## [What to work on]
Your task is to repeat exactly the lines below between the line holding "#131=IFCPRODUCTDEFINITIONSHAPE($,$,(#130));" and the line holding "#139=IFCINDEXEDPOLYGONALFACE((5,7,8,6));", inclusive, and only those.

## [Entries provided]

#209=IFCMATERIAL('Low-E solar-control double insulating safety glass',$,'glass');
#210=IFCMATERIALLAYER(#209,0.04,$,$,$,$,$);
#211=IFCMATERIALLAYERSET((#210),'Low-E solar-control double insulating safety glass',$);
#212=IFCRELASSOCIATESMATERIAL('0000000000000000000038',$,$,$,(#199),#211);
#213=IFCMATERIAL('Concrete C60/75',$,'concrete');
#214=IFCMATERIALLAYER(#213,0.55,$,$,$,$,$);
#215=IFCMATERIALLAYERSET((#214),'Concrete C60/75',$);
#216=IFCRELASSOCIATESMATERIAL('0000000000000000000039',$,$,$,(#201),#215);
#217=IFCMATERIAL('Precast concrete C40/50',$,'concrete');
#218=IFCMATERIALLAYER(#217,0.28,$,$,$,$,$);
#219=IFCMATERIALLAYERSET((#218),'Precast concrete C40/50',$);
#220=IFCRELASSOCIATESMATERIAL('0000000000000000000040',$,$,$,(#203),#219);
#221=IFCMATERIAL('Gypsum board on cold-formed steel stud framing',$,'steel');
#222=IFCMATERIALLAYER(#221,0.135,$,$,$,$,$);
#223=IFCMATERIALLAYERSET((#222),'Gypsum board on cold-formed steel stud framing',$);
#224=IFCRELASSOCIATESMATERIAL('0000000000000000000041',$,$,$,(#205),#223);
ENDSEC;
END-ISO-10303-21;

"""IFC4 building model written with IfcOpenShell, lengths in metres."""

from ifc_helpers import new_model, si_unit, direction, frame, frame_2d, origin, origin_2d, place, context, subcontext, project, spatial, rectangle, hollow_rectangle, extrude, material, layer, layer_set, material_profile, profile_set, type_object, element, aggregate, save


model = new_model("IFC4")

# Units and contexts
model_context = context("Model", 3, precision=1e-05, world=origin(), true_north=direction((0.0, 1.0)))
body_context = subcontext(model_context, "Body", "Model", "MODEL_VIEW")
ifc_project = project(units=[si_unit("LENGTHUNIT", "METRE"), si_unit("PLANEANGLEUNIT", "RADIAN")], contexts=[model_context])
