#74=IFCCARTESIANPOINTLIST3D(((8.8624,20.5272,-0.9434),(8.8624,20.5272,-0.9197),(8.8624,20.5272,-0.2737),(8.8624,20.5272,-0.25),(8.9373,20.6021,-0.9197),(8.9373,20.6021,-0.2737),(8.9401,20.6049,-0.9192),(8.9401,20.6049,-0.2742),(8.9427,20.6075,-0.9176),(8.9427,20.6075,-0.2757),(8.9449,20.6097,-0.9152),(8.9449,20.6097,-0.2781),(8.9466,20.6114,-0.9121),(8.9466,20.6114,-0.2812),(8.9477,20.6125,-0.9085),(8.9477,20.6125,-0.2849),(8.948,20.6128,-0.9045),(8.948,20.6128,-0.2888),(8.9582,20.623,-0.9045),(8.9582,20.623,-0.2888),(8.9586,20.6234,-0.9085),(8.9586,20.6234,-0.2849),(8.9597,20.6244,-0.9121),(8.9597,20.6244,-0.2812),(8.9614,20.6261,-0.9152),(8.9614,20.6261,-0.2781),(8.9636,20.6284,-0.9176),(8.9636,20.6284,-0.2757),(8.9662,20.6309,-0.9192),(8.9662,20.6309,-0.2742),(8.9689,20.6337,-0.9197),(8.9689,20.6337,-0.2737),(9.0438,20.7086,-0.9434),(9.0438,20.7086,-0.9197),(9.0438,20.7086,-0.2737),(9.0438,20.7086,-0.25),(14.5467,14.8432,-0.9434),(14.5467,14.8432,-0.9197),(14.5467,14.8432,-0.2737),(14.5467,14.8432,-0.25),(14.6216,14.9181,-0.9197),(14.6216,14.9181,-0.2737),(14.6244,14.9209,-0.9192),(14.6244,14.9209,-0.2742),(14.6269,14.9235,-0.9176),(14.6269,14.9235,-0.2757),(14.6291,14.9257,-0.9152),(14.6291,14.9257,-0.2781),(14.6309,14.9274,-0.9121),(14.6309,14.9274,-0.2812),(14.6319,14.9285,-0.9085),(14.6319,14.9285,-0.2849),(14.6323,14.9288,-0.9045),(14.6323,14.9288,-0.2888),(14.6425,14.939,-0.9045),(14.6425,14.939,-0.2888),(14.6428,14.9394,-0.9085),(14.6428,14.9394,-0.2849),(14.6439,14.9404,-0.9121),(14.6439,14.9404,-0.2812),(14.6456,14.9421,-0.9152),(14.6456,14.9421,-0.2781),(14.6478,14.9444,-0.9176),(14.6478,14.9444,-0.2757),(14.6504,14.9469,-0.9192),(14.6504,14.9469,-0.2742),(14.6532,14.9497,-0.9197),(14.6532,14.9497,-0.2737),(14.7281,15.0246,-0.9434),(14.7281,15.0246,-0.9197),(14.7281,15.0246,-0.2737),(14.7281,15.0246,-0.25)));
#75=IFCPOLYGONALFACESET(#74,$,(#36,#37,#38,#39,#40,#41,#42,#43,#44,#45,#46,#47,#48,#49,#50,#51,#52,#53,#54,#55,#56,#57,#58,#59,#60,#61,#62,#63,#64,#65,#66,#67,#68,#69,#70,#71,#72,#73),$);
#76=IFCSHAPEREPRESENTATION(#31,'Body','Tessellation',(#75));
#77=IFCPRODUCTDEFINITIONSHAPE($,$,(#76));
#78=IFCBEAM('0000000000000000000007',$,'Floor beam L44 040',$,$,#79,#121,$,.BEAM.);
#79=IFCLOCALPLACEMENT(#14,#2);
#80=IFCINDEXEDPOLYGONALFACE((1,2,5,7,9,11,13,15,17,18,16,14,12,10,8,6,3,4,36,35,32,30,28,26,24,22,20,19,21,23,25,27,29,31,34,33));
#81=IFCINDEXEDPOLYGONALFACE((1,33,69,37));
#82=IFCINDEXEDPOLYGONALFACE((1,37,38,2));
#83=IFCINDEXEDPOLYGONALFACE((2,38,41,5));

--

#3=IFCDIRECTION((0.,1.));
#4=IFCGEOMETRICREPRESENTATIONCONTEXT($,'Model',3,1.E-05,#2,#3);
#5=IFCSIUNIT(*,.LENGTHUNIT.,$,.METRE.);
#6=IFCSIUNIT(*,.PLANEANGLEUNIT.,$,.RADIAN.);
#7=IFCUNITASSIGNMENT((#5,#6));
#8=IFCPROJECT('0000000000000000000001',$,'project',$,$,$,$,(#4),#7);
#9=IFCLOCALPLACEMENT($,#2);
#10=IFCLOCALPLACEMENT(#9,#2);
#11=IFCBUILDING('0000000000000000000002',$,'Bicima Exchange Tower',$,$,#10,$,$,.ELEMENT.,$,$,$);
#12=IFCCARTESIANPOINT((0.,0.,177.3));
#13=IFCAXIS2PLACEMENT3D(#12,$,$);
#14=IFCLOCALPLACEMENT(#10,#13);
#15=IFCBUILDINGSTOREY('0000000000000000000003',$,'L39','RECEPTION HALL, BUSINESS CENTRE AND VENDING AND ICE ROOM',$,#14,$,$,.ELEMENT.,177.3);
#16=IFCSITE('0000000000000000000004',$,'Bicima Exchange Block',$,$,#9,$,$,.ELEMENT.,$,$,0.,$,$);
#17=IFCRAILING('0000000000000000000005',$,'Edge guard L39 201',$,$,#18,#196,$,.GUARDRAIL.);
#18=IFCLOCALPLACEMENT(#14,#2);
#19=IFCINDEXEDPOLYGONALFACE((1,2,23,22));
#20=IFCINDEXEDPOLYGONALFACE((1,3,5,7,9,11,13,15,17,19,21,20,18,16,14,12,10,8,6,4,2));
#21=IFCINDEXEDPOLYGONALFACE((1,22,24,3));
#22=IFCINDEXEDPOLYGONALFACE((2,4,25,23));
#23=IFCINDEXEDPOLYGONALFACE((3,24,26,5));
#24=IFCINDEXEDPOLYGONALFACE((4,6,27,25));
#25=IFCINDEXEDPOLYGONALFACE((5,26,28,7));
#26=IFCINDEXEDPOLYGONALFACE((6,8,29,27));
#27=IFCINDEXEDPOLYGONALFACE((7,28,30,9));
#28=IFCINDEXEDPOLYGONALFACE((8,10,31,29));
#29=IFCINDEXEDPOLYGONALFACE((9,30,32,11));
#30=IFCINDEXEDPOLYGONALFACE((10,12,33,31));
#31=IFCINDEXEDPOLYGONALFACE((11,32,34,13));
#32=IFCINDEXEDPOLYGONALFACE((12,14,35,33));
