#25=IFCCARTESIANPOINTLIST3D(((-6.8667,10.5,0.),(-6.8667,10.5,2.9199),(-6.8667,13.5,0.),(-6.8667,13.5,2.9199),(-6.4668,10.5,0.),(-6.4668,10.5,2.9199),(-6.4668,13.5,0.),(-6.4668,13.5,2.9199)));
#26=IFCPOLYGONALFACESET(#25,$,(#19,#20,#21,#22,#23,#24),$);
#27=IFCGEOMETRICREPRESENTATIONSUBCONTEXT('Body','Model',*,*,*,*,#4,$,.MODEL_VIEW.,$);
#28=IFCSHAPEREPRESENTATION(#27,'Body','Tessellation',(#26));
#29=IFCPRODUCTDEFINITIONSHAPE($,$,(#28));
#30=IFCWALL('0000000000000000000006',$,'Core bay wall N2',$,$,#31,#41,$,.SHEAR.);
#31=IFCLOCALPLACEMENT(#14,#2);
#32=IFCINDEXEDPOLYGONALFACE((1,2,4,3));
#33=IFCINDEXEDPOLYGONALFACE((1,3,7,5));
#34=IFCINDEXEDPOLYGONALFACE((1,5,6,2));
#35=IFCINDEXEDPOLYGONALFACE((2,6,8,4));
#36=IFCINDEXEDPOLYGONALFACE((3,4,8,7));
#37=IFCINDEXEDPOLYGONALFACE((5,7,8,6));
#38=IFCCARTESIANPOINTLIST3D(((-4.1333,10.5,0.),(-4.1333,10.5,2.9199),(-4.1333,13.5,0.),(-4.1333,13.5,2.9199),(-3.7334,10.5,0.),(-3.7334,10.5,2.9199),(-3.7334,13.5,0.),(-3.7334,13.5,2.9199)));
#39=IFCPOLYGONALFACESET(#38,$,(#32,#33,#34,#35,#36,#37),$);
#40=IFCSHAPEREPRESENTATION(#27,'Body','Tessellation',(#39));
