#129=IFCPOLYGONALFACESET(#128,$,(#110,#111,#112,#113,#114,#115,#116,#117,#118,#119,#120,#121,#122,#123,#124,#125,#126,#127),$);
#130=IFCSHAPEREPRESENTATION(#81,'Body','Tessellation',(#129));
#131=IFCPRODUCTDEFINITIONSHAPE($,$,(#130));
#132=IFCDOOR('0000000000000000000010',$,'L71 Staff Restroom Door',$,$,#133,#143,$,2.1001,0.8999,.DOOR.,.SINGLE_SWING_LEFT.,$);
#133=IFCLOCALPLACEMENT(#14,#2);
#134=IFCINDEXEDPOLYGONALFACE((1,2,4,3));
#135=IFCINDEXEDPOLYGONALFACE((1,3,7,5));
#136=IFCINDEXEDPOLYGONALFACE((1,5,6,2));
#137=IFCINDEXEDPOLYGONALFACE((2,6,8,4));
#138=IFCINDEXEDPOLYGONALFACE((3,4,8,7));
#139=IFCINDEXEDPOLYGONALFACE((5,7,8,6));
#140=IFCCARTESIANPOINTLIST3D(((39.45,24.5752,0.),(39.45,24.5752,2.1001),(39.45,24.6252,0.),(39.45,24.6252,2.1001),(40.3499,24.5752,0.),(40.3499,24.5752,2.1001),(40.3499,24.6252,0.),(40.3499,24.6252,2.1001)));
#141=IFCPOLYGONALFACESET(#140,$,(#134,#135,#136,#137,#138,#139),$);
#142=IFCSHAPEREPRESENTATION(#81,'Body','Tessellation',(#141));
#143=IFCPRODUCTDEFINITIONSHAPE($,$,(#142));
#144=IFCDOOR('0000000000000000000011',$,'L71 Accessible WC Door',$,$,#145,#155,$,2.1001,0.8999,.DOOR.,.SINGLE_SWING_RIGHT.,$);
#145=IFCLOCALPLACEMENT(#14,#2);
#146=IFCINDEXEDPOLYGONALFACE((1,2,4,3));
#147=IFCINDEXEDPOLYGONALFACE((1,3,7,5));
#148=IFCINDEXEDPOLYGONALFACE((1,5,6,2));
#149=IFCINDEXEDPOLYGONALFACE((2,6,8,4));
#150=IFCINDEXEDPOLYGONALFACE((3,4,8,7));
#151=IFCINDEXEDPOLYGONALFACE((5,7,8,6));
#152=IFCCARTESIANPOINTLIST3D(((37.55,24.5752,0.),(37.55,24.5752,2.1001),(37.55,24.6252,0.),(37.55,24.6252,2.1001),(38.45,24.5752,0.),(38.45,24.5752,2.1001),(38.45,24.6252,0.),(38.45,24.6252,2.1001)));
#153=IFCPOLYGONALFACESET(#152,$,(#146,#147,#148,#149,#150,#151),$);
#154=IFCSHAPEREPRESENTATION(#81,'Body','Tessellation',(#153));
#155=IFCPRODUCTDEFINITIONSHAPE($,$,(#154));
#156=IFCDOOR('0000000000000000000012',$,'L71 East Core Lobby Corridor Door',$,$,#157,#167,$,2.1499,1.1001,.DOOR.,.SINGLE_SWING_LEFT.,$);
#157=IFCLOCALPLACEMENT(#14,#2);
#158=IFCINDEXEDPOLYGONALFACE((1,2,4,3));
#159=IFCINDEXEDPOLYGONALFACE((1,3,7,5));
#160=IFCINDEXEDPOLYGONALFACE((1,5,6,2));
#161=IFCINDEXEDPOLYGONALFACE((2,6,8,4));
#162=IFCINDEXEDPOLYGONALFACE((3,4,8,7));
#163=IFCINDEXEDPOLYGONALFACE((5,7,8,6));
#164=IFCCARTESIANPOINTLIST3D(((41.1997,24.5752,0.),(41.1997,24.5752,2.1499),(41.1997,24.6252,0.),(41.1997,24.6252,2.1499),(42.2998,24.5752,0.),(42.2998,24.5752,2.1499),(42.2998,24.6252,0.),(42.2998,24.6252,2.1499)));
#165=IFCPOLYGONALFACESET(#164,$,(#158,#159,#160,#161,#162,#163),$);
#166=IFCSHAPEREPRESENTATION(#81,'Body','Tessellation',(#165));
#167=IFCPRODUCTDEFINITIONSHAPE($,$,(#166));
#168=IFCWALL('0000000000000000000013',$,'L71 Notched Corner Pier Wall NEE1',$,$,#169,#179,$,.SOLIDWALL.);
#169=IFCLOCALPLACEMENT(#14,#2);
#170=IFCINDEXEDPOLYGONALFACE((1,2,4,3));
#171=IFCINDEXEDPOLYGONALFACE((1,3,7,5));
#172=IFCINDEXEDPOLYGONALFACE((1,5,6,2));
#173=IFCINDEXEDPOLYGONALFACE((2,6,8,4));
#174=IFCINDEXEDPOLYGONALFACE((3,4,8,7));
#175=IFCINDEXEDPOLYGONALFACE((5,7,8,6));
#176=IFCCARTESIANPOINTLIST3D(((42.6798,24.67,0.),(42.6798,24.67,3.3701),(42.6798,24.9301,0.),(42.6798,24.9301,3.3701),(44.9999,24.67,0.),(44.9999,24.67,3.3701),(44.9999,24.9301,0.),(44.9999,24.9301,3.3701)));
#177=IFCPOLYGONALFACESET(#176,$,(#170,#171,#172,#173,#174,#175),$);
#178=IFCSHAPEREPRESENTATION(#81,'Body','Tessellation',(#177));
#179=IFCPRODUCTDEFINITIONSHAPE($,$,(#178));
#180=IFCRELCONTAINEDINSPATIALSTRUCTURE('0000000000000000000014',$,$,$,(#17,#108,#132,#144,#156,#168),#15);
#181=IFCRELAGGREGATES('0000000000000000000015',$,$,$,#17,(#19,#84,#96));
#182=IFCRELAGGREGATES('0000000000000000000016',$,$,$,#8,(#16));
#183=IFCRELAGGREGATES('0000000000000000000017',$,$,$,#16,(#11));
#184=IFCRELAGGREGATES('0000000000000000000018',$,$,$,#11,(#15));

## [Solution]
#131=IFCPRODUCTDEFINITIONSHAPE($,$,(#130));
#132=IFCDOOR('0000000000000000000010',$,'L71 Staff Restroom Door',$,$,#133,#143,$,2.1001,0.8999,.DOOR.,.SINGLE_SWING_LEFT.,$);
#133=IFCLOCALPLACEMENT(#14,#2);
#134=IFCINDEXEDPOLYGONALFACE((1,2,4,3));
#135=IFCINDEXEDPOLYGONALFACE((1,3,7,5));
#136=IFCINDEXEDPOLYGONALFACE((1,5,6,2));
#137=IFCINDEXEDPOLYGONALFACE((2,6,8,4));
#138=IFCINDEXEDPOLYGONALFACE((3,4,8,7));
#139=IFCINDEXEDPOLYGONALFACE((5,7,8,6));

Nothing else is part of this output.